TO DO: Copy each line below in which the string "IFCRELDEFINESBYTYPE" occurs.

____________________

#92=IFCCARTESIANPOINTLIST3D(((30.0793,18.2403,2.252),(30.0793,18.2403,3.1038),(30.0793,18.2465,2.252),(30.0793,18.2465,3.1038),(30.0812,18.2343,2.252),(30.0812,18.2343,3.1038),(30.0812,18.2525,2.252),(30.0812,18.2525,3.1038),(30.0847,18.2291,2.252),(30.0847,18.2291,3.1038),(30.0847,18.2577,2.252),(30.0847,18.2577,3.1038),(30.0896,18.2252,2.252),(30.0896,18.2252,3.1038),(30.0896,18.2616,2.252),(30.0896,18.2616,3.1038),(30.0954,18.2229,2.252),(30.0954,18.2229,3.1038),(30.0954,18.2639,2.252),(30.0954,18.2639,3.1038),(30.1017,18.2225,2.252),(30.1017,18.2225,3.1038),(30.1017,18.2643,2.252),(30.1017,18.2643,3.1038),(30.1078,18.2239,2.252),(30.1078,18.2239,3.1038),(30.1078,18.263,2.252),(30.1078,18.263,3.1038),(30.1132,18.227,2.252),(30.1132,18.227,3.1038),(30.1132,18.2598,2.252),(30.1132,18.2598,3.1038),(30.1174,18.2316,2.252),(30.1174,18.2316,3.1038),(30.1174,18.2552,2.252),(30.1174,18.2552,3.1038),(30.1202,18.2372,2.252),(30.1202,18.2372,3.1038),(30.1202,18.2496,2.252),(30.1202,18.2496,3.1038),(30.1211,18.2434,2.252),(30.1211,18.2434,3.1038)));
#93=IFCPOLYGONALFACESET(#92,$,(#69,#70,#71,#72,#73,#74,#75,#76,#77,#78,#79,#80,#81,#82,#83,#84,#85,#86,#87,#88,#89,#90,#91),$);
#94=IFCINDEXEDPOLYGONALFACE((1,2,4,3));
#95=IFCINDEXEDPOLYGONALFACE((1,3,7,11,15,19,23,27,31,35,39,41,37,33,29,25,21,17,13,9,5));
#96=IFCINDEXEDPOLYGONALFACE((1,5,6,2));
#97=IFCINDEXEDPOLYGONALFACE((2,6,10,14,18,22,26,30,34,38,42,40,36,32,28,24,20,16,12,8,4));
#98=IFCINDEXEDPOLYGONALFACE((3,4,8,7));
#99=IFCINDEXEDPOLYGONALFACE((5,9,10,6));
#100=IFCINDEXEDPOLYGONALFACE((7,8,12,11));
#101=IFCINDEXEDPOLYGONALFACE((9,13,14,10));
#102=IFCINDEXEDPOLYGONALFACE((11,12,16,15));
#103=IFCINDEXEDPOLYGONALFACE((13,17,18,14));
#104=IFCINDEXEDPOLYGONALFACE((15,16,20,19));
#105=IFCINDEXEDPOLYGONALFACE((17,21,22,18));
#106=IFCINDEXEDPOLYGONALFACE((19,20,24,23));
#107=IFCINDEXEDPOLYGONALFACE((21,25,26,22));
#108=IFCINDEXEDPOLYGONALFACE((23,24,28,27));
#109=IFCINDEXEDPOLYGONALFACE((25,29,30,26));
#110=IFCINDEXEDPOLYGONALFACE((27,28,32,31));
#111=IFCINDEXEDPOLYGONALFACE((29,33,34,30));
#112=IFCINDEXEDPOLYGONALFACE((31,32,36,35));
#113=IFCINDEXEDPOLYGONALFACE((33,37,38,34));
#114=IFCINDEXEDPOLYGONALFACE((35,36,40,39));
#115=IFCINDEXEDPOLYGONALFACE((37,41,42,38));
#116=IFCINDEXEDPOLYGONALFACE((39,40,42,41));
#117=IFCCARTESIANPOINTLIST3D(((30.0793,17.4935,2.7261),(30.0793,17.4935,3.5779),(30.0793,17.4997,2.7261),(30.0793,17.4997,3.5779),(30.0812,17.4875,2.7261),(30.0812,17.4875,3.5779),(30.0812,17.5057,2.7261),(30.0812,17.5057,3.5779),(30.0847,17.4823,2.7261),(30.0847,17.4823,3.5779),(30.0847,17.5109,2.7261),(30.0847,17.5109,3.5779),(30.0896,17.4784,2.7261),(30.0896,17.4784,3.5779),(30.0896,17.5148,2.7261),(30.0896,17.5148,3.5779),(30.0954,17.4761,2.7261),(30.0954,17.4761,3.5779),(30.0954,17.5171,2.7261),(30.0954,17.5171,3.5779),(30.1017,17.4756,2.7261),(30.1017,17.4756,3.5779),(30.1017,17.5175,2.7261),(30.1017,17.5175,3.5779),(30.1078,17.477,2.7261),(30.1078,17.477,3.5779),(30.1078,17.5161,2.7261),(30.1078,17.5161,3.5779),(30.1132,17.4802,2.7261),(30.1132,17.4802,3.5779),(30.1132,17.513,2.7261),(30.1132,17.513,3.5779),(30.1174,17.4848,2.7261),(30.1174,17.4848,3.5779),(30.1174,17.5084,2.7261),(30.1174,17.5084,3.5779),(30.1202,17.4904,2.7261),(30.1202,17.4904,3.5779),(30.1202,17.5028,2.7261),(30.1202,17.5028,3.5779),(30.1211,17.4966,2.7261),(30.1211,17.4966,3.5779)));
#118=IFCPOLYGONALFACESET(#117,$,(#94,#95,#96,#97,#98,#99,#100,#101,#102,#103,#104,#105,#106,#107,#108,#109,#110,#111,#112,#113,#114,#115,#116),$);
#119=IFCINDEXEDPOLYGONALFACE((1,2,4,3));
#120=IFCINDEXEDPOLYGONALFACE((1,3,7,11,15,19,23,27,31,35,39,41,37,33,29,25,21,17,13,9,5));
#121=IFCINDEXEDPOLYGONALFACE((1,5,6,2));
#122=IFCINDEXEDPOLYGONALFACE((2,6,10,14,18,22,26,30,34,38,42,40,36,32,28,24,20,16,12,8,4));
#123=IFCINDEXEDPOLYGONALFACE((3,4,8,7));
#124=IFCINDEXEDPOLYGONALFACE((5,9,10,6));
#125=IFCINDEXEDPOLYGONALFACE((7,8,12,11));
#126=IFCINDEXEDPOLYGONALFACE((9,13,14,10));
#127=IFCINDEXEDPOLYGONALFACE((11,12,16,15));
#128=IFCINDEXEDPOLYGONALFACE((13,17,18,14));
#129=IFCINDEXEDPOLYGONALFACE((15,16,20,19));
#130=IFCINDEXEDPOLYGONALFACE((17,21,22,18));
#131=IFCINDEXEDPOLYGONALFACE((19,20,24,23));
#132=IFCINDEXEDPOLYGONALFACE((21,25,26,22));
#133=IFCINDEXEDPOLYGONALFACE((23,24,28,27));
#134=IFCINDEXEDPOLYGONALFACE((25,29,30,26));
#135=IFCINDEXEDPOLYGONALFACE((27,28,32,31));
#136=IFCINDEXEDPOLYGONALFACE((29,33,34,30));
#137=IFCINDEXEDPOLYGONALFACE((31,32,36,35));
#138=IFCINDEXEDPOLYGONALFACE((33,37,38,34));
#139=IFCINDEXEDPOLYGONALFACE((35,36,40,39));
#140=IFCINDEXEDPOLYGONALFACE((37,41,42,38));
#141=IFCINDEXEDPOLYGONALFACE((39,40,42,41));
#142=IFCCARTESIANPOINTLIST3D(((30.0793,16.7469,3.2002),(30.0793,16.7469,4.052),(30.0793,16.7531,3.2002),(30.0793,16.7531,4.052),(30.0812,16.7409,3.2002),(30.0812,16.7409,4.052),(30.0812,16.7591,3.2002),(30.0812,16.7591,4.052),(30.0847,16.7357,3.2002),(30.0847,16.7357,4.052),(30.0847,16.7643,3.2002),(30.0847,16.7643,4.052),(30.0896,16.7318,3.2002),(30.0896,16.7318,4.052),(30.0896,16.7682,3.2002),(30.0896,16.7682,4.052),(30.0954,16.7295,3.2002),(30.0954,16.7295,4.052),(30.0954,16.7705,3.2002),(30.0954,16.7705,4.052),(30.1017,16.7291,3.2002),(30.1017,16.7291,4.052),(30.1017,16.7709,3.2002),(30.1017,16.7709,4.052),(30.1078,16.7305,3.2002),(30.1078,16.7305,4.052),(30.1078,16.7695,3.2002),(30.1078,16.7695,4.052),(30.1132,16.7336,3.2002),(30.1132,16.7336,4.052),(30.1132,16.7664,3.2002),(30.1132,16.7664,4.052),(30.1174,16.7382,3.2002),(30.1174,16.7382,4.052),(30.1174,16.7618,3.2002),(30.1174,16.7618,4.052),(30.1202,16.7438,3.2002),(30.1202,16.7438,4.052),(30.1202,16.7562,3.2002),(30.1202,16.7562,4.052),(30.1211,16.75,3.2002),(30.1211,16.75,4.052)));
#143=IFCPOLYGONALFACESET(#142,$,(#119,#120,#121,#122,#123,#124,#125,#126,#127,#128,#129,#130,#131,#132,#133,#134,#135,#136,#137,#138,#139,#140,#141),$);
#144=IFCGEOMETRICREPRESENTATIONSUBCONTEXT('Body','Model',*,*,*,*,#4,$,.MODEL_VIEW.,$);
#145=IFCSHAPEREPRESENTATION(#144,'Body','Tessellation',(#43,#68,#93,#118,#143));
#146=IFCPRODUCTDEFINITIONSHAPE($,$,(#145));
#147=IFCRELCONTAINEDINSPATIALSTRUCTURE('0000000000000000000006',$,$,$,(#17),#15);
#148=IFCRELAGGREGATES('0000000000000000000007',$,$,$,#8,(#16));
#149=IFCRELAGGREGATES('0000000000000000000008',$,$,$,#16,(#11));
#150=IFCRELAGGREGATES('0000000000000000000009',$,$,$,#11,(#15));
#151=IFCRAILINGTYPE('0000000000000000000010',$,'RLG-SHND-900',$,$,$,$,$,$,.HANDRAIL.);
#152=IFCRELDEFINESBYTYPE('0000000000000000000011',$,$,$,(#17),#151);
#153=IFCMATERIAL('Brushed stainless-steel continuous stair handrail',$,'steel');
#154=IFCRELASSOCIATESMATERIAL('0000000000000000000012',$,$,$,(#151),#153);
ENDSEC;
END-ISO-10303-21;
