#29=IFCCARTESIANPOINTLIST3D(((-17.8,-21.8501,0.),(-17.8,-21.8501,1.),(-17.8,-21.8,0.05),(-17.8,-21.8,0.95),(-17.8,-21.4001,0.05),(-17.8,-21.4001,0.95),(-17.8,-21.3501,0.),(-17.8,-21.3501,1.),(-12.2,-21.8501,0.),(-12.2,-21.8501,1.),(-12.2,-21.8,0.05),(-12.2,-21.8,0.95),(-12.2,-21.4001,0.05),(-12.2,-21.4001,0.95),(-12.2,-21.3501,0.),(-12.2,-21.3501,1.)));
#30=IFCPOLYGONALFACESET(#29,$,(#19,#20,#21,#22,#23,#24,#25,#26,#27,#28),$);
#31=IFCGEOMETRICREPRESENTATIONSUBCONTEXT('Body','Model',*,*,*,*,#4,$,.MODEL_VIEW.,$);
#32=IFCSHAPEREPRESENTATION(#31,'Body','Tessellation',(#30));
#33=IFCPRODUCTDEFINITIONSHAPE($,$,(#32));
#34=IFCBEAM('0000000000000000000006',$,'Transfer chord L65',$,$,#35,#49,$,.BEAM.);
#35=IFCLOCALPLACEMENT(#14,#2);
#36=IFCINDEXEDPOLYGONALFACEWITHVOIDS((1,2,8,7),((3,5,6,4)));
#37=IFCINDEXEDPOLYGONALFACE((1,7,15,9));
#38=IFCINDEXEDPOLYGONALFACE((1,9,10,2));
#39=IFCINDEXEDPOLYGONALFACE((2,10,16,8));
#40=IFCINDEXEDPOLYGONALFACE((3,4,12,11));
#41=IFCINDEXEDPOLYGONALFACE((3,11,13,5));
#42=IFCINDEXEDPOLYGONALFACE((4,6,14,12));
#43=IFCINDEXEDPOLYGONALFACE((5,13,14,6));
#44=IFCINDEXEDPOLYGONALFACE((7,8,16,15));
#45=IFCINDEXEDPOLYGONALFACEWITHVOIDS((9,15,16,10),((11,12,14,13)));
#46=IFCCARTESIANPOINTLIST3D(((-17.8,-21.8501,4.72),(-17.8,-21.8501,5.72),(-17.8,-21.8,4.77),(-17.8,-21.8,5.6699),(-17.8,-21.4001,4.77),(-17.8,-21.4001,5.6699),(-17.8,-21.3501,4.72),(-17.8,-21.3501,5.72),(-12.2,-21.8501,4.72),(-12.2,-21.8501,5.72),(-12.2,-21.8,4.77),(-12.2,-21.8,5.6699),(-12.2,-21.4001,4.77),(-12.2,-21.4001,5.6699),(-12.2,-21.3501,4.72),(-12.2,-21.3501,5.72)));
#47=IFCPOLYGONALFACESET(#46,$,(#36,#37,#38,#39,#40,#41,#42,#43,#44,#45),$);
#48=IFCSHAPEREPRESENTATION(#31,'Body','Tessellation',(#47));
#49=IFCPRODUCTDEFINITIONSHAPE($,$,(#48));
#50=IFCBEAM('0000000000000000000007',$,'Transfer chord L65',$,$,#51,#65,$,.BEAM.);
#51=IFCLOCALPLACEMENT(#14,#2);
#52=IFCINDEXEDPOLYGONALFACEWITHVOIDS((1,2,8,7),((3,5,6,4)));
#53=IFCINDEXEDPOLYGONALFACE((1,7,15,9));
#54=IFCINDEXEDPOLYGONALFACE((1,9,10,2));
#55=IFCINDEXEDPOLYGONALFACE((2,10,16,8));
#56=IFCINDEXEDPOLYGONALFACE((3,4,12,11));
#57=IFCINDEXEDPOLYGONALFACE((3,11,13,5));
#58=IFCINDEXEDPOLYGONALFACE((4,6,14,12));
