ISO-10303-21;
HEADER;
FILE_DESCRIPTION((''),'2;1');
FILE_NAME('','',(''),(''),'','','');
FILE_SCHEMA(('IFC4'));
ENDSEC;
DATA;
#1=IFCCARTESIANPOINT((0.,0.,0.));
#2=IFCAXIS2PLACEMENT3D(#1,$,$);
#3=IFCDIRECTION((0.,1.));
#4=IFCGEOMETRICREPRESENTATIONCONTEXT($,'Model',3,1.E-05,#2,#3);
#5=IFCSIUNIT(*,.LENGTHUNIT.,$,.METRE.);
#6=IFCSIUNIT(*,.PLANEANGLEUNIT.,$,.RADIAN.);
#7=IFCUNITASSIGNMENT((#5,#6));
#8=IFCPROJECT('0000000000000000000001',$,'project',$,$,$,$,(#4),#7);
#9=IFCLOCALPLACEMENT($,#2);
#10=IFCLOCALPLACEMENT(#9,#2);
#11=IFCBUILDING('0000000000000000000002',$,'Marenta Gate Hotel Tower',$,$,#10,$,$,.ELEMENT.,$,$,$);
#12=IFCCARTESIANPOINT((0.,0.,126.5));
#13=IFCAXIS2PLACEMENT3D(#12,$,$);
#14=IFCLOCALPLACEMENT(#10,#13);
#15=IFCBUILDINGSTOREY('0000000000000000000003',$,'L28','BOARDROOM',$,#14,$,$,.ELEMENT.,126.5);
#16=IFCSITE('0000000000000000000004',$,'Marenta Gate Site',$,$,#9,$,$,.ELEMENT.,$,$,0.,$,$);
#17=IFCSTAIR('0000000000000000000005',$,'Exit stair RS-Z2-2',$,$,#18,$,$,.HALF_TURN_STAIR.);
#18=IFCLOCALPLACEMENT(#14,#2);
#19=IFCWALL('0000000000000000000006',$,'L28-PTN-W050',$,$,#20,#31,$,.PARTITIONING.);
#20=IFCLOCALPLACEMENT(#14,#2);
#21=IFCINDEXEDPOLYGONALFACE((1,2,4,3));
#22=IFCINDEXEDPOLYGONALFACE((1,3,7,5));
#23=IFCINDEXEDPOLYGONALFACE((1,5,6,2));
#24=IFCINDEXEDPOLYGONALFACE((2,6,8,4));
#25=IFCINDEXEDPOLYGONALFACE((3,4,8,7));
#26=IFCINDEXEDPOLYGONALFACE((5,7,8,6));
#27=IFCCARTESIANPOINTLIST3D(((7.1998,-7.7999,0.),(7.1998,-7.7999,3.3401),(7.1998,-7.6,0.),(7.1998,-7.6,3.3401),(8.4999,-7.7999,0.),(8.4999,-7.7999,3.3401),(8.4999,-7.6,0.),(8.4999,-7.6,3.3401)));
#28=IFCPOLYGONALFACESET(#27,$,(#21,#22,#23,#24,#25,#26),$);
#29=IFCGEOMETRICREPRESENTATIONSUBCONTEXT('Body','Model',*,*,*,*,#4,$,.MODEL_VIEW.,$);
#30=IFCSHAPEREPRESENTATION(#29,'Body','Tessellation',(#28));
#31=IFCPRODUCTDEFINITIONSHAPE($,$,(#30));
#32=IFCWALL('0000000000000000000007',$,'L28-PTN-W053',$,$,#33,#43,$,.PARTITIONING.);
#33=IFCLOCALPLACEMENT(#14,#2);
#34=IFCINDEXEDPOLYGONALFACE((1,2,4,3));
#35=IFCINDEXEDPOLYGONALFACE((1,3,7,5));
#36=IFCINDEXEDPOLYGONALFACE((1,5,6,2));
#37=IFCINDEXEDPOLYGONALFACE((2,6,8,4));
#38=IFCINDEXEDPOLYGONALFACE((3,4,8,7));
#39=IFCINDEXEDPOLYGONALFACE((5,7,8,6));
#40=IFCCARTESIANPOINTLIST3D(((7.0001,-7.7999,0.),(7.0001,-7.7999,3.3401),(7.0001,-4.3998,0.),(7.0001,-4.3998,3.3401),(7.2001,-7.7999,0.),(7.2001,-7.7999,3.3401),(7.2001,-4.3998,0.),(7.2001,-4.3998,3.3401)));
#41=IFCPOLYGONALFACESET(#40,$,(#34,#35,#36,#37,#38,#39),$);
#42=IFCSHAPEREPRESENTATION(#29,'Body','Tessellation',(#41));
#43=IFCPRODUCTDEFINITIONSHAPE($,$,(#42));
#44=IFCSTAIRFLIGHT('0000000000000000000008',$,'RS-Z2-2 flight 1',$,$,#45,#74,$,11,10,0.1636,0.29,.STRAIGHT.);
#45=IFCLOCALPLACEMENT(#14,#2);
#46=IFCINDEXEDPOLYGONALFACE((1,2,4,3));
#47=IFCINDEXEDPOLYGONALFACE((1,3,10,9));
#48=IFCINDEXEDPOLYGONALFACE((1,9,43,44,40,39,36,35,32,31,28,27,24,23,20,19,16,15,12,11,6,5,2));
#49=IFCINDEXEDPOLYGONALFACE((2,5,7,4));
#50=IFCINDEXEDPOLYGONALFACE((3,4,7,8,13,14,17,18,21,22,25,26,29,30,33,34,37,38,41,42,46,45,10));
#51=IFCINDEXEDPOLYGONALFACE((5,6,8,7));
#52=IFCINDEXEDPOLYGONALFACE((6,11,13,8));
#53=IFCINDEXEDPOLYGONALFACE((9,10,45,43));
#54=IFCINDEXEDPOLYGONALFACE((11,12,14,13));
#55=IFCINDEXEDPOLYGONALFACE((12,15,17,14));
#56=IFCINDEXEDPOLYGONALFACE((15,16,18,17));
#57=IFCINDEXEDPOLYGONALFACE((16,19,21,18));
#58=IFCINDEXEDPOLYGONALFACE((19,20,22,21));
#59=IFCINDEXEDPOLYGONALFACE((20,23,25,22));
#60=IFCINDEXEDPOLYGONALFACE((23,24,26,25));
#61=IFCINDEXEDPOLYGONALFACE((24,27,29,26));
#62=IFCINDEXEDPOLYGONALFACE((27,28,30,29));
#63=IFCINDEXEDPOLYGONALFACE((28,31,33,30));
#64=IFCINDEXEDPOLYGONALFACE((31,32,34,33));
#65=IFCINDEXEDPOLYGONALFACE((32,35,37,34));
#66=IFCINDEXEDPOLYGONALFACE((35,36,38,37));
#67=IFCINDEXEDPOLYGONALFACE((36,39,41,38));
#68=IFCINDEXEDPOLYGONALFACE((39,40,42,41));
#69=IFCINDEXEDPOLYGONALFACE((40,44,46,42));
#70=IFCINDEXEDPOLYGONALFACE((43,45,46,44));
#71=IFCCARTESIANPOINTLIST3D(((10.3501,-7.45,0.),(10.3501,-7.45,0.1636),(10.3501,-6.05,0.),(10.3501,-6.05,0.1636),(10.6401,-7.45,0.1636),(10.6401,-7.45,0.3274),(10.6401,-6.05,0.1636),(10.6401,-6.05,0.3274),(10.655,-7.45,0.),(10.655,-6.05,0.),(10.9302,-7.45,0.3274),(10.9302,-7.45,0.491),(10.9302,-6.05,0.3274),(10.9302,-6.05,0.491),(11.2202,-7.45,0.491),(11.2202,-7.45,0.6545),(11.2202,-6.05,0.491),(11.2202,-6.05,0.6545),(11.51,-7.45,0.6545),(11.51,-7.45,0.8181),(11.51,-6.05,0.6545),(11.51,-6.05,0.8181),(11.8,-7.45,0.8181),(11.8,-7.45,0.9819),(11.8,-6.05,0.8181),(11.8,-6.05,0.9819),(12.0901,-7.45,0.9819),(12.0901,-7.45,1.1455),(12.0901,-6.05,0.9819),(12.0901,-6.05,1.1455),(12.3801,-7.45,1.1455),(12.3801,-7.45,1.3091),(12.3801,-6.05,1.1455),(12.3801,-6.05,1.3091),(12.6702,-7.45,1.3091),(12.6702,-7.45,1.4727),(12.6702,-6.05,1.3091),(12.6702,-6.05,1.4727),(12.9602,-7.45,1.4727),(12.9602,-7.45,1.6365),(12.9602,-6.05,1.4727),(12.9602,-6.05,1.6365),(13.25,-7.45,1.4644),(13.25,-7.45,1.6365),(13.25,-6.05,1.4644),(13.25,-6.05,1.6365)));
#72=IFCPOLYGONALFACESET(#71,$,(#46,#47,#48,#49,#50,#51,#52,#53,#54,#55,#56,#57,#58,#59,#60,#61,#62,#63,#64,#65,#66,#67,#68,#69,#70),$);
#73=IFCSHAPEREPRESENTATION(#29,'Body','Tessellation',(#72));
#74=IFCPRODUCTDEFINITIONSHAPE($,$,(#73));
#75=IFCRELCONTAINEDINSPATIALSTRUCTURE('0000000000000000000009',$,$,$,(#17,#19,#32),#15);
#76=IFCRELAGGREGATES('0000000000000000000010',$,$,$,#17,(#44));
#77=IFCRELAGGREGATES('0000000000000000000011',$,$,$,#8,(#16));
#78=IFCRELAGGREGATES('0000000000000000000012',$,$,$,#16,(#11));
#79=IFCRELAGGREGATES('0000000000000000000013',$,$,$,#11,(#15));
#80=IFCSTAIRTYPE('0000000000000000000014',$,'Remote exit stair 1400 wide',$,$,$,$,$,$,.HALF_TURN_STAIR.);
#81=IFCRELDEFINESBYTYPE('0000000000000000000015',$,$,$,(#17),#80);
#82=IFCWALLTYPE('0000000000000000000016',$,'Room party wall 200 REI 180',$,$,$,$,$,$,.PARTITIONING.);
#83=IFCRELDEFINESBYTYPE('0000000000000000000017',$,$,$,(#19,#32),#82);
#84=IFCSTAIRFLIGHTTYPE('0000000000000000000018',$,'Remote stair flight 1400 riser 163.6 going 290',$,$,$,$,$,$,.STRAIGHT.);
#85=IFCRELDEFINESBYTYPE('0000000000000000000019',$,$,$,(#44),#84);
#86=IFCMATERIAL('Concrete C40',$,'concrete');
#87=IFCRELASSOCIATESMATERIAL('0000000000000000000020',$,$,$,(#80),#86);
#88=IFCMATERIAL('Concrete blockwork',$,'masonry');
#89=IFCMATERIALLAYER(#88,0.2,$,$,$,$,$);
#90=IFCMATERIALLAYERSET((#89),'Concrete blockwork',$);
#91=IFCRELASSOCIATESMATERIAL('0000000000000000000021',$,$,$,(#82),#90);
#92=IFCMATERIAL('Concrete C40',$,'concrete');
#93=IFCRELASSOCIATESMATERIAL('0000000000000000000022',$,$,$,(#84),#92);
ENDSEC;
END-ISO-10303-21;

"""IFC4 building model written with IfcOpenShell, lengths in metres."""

from ifc_helpers import new_model, si_unit, direction, frame, frame_2d, origin, place, context, subcontext, project, spatial, polyline, rectangle, outline, extrude, material, layer, layer_set, type_object, element, aggregate, save


model = new_model("IFC4")

# Units and contexts
model_context = context("Model", 3, precision=1e-05, world=origin(), true_north=direction((0.0, 1.0)))
body_context = subcontext(model_context, "Body", "Model", "MODEL_VIEW")
ifc_project = project(units=[si_unit("LENGTHUNIT", "METRE"), si_unit("PLANEANGLEUNIT", "RADIAN")], contexts=[model_context])

# Site, building, storey
site_placement = place(None, origin())
site = spatial("IfcSite", under=ifc_project, at=site_placement, Name="Marenta Gate Site", CompositionType="ELEMENT", RefElevation=0.0)
building_placement = place(site_placement, origin())
building = spatial("IfcBuilding", under=site, at=building_placement, Name="Marenta Gate Hotel Tower", CompositionType="ELEMENT")
storey_placement = place(building_placement, frame((0.0, 0.0, 126.5)))
storey = spatial("IfcBuildingStorey", under=building, at=storey_placement, Name="L28", Description="BOARDROOM", CompositionType="ELEMENT", Elevation=126.5)

# Stair
ifc_material_1 = material(Name="Concrete C40", Category="concrete")
stair_type_1 = type_object("IfcStairType", Name="Remote exit stair 1400 wide", PredefinedType="HALF_TURN_STAIR", material=ifc_material_1)
stair_1_placement = place(storey_placement, origin())
stair_1 = element("IfcStair", 1, at=stair_1_placement, inside=storey, type_object=stair_type_1, Name="Exit stair RS-Z2-2", PredefinedType="HALF_TURN_STAIR")

# Walls
ifc_material_2 = material(Name="Concrete blockwork", Category="masonry")
ifc_layer_1 = layer(ifc_material_2, 0.2)
ifc_layer_set_1 = layer_set([ifc_layer_1], Name="Concrete blockwork")
wall_type_1 = type_object("IfcWallType", Name="Room party wall 200 REI 180", PredefinedType="PARTITIONING", material=ifc_layer_set_1)
wall_1_placement = place(storey_placement, frame((7.2, -7.7, 0.0), z_axis=(0.0, 0.0, 1.0), x_axis=(1.0, 0.0, 0.0)))
element("IfcWall", 2, at=wall_1_placement, inside=storey, type_object=wall_type_1, Name="L28-PTN-W050", PredefinedType="PARTITIONING", context=body_context, shape_type="SweptSolid", body=[
    extrude(rectangle(XDim=1.3, YDim=0.2, at=frame_2d((0.6499, 0.0))), origin(), (0.0, 0.0, 1.0), 3.3401),
])
wall_2_placement = place(storey_placement, frame((7.1001, -7.8, 0.0), z_axis=(0.0, 0.0, 1.0), x_axis=(0.0, 1.0, 0.0)))
element("IfcWall", 3, at=wall_2_placement, inside=storey, type_object=wall_type_1, Name="L28-PTN-W053", PredefinedType="PARTITIONING", context=body_context, shape_type="SweptSolid", body=[
    extrude(rectangle(XDim=3.4001, YDim=0.2, at=frame_2d((1.7002, 0.0))), origin(), (0.0, 0.0, 1.0), 3.3401),
])

# Stair flight
ifc_material_3 = material(Name="Concrete C40", Category="concrete")
stair_flight_type = type_object("IfcStairFlightType", Name="Remote stair flight 1400 riser 163.6 going 290", PredefinedType="STRAIGHT", material=ifc_material_3)
stair_flight_placement = place(storey_placement, frame((10.3501, -6.75, 0.0), z_axis=(0.0, 0.0, 1.0), x_axis=(1.0, 0.0, 0.0)))
stair_flight = element("IfcStairFlight", 4, at=stair_flight_placement, type_object=stair_flight_type, Name="RS-Z2-2 flight 1", NumberOfRisers=11, NumberOfTreads=10, PredefinedType="STRAIGHT", RiserHeight=0.1636, TreadLength=0.29, context=body_context, shape_type="SweptSolid", body=[
    extrude(outline(polyline([(0.0, 0.0), (0.0, 0.1636), (0.29, 0.1636), (0.29, 0.3274), (0.5801, 0.3274), (0.5801, 0.491), (0.8701, 0.491), (0.8701, 0.6545), (1.1599, 0.6545), (1.1599, 0.8181), (1.45, 0.8181), (1.45, 0.9819), (1.74, 0.9819), (1.74, 1.1455), (2.03, 1.1455), (2.03, 1.3091), (2.3201, 1.3091), (2.3201, 1.4727), (2.6101, 1.4727), (2.6101, 1.6365), (2.8999, 1.6365), (2.8999, 1.8), (2.8999, 1.4644), (0.3049, 0.0), (0.0, 0.0)])), frame((0.0, 0.7, 0.0), z_axis=(0.0, -1.0, 0.0), x_axis=(1.0, 0.0, 0.0)), (0.0, 0.0, 1.0), 1.3999),
])
aggregate(stair_1, [stair_flight])

save(model, "model.ifc")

____________________

RESULT:
#152=IFCRELDEFINESBYTYPE('0000000000000000000011',$,$,$,(#17),#151);
#81=IFCRELDEFINESBYTYPE('0000000000000000000015',$,$,$,(#17),#80);
#83=IFCRELDEFINESBYTYPE('0000000000000000000017',$,$,$,(#19,#32),#82);
#85=IFCRELDEFINESBYTYPE('0000000000000000000019',$,$,$,(#44),#84);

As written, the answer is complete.